● EXERCISE OBJECTIVE
Please return only the lines from the one holding "building model written" through the one holding "ifc_layer_1 = layer(ifc_material_1, 0.2)", exactly as they appear in the records below, both ends included.

● DATA RECORDS
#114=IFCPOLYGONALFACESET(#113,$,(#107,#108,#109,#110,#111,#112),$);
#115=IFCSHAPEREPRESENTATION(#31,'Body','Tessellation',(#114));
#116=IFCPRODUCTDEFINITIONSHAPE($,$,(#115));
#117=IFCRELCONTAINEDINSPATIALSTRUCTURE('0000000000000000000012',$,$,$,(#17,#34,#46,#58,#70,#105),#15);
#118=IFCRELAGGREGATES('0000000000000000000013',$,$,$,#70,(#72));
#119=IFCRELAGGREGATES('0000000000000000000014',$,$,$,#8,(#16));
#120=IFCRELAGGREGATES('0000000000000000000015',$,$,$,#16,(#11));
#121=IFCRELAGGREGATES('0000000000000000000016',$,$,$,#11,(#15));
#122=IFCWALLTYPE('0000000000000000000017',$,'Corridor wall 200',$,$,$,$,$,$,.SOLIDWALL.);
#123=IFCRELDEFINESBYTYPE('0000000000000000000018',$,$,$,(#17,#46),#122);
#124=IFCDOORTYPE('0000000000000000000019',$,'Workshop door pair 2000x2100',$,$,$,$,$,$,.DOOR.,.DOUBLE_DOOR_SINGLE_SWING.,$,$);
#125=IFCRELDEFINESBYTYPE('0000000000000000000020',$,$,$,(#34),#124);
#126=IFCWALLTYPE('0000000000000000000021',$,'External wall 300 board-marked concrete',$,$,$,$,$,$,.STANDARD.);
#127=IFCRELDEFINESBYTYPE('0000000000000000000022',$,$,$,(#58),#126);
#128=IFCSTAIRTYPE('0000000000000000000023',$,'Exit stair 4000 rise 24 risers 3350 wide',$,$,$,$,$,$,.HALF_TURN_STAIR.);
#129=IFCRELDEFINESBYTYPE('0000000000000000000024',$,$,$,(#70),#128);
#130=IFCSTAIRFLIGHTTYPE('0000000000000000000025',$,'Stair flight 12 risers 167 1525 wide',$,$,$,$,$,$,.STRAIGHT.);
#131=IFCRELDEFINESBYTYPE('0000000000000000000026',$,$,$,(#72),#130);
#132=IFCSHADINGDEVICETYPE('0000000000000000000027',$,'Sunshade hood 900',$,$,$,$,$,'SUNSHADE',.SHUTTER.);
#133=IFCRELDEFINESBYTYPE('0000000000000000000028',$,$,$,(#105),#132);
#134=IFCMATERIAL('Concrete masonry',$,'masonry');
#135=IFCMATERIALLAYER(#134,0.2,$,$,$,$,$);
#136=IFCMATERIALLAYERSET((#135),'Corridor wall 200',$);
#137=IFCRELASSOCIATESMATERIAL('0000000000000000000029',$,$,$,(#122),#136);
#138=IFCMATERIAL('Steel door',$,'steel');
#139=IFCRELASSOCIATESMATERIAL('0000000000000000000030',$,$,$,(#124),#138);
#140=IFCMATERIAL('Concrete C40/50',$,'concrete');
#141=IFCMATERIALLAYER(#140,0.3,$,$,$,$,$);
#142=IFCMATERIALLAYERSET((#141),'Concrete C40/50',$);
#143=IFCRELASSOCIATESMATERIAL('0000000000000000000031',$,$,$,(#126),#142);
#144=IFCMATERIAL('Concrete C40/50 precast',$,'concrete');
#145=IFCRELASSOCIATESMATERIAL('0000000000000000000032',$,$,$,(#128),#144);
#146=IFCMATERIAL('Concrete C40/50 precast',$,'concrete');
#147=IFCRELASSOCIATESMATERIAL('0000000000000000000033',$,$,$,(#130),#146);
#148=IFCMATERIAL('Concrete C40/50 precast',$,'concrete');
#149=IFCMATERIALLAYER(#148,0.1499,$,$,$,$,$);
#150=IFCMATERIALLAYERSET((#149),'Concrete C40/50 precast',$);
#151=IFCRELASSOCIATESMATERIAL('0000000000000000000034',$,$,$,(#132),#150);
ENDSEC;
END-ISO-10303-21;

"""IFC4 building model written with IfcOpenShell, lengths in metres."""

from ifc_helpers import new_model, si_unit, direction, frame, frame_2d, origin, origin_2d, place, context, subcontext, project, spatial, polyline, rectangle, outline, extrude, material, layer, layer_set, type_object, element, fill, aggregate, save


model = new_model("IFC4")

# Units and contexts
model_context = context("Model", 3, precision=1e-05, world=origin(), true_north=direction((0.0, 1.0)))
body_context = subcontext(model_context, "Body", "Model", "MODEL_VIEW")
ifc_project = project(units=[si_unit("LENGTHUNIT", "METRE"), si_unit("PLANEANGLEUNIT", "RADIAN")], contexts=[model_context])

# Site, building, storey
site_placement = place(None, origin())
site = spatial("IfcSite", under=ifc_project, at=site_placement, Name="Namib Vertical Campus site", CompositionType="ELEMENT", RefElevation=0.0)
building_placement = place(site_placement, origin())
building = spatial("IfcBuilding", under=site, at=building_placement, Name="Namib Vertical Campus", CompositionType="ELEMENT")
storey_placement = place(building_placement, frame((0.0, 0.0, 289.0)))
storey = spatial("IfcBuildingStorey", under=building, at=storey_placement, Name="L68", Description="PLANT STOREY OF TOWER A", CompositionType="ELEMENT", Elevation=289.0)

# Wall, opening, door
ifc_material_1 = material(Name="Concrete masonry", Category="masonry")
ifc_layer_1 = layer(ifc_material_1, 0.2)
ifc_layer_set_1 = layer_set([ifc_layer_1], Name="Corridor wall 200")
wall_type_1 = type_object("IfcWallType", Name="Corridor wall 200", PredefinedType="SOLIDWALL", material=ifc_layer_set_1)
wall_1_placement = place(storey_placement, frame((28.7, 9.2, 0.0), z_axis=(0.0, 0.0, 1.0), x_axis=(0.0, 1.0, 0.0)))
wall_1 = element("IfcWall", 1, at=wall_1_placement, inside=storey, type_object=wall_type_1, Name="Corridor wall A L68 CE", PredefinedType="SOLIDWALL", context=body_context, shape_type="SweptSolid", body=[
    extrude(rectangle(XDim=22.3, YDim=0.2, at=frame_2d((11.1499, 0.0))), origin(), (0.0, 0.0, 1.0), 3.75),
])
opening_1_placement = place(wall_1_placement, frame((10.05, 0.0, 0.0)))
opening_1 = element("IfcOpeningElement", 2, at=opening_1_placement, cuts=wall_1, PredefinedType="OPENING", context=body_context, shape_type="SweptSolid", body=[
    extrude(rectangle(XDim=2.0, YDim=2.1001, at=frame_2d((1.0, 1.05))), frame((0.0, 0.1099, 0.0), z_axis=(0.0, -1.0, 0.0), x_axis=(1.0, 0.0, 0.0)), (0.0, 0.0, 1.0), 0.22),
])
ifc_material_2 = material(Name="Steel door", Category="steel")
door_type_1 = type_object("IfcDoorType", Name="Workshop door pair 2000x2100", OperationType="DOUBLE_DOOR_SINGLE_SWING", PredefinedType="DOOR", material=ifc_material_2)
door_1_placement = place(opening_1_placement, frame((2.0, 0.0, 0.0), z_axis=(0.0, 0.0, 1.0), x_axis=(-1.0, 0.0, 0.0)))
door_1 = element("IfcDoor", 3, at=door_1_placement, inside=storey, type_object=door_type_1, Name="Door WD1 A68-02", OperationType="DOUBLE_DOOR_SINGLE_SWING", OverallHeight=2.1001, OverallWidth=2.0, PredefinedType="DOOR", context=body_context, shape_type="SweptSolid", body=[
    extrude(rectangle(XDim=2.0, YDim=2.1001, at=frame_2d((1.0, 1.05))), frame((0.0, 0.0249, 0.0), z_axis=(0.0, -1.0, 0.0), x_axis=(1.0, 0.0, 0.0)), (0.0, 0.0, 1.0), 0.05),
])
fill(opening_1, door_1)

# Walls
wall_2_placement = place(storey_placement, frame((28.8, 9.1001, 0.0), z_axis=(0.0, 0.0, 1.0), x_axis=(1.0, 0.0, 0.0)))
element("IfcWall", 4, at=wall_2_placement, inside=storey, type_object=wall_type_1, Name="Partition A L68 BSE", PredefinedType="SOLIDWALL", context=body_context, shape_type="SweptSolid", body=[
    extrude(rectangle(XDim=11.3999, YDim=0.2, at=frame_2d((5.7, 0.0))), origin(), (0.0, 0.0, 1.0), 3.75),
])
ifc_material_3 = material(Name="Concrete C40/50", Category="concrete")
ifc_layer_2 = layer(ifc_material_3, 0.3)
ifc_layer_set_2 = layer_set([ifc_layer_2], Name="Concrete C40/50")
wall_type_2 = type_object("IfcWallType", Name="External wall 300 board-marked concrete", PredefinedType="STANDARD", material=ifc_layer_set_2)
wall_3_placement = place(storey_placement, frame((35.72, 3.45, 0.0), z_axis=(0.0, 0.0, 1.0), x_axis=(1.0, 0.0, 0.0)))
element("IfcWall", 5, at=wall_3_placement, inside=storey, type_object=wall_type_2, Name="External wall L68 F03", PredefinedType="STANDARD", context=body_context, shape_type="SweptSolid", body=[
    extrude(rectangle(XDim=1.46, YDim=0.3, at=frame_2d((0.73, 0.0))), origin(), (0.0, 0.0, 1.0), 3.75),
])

● THE ANSWER
"""IFC4 building model written with IfcOpenShell, lengths in metres."""

from ifc_helpers import new_model, si_unit, direction, frame, frame_2d, origin, origin_2d, place, context, subcontext, project, spatial, polyline, rectangle, outline, extrude, material, layer, layer_set, type_object, element, fill, aggregate, save


model = new_model("IFC4")

# Units and contexts
model_context = context("Model", 3, precision=1e-05, world=origin(), true_north=direction((0.0, 1.0)))
body_context = subcontext(model_context, "Body", "Model", "MODEL_VIEW")
ifc_project = project(units=[si_unit("LENGTHUNIT", "METRE"), si_unit("PLANEANGLEUNIT", "RADIAN")], contexts=[model_context])

# Site, building, storey
site_placement = place(None, origin())
site = spatial("IfcSite", under=ifc_project, at=site_placement, Name="Namib Vertical Campus site", CompositionType="ELEMENT", RefElevation=0.0)
building_placement = place(site_placement, origin())
building = spatial("IfcBuilding", under=site, at=building_placement, Name="Namib Vertical Campus", CompositionType="ELEMENT")
storey_placement = place(building_placement, frame((0.0, 0.0, 289.0)))
storey = spatial("IfcBuildingStorey", under=building, at=storey_placement, Name="L68", Description="PLANT STOREY OF TOWER A", CompositionType="ELEMENT", Elevation=289.0)

# Wall, opening, door
ifc_material_1 = material(Name="Concrete masonry", Category="masonry")
ifc_layer_1 = layer(ifc_material_1, 0.2)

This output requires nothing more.